╭─ Input for this task

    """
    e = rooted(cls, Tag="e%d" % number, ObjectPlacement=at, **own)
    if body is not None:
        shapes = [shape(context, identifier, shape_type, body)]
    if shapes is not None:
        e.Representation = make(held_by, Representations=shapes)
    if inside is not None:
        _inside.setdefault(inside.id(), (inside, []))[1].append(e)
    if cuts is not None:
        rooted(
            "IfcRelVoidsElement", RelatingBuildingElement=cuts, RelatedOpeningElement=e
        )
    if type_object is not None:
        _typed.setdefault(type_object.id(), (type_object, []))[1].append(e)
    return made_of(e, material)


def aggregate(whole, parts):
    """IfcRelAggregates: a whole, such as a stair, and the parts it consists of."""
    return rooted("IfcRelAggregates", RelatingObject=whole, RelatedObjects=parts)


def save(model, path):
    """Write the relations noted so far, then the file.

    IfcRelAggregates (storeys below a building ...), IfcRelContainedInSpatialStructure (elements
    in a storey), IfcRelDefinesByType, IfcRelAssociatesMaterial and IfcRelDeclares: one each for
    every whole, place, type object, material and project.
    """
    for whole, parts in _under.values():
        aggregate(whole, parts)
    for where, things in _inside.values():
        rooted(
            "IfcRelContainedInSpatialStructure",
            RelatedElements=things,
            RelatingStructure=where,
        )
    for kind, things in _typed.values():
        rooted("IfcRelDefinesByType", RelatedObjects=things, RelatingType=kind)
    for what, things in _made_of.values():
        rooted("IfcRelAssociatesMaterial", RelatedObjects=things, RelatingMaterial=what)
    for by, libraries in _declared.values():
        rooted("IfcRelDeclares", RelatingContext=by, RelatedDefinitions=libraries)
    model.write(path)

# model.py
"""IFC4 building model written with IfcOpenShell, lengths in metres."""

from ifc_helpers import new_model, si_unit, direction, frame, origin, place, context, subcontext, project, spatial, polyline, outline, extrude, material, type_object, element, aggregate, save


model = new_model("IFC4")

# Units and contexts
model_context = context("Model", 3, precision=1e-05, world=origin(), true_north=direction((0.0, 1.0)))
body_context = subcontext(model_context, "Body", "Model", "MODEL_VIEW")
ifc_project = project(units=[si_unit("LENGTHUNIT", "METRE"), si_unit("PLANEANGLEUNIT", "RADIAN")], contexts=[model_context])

╰─
╭─ Input for this task

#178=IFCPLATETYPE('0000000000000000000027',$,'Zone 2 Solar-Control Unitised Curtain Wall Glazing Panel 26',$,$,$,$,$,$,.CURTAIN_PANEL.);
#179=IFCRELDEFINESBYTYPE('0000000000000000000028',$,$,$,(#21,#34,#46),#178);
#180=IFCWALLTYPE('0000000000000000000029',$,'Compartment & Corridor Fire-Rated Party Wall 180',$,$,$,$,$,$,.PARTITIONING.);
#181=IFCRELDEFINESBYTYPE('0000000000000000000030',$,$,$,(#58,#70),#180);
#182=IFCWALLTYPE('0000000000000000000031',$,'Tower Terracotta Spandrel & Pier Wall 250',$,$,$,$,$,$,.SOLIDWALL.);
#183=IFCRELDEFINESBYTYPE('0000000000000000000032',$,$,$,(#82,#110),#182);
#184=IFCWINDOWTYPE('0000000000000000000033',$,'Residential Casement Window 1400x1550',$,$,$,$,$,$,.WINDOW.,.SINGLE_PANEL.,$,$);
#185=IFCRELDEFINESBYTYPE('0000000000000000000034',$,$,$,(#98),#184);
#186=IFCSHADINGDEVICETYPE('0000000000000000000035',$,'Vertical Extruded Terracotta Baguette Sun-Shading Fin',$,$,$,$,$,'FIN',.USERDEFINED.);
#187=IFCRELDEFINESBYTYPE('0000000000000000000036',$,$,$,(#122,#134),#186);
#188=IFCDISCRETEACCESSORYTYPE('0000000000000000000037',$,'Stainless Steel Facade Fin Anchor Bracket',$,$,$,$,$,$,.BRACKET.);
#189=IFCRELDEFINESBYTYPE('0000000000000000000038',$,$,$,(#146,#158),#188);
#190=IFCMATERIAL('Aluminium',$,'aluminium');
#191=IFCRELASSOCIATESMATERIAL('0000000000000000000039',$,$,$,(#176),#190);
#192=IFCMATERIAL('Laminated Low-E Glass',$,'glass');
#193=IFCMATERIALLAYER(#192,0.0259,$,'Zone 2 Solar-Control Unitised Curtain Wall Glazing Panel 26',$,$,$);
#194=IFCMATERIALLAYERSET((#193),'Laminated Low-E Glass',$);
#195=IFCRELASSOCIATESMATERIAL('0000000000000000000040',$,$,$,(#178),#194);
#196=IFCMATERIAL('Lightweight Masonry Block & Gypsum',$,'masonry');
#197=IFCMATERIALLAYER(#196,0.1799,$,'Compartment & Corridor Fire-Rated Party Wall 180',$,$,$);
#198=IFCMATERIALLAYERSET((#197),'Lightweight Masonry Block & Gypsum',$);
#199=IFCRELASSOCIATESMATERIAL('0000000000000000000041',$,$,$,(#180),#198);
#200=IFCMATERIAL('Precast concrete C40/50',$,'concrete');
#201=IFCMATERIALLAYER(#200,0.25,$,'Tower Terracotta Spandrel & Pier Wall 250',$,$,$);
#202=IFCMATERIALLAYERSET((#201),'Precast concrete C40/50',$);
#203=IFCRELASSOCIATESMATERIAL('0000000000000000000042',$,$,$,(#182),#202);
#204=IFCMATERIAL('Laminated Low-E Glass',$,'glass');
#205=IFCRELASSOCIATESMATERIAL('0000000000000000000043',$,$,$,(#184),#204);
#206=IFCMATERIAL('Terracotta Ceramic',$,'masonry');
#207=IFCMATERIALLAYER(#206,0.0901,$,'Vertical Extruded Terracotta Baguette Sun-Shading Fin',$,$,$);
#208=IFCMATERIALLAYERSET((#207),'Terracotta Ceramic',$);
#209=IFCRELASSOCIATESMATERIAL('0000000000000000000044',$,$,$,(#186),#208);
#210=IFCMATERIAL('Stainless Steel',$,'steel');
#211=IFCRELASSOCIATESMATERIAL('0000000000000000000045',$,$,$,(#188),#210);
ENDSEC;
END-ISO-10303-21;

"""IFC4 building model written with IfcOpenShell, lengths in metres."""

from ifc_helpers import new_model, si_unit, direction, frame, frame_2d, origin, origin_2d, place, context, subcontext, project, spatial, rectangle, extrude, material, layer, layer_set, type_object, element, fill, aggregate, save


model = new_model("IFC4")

╰─

Brief - Copy all lines from the data that hold the word "Stainless".

Expected answer -
#188=IFCDISCRETEACCESSORYTYPE('0000000000000000000037',$,'Stainless Steel Facade Fin Anchor Bracket',$,$,$,$,$,$,.BRACKET.);
#210=IFCMATERIAL('Stainless Steel',$,'steel');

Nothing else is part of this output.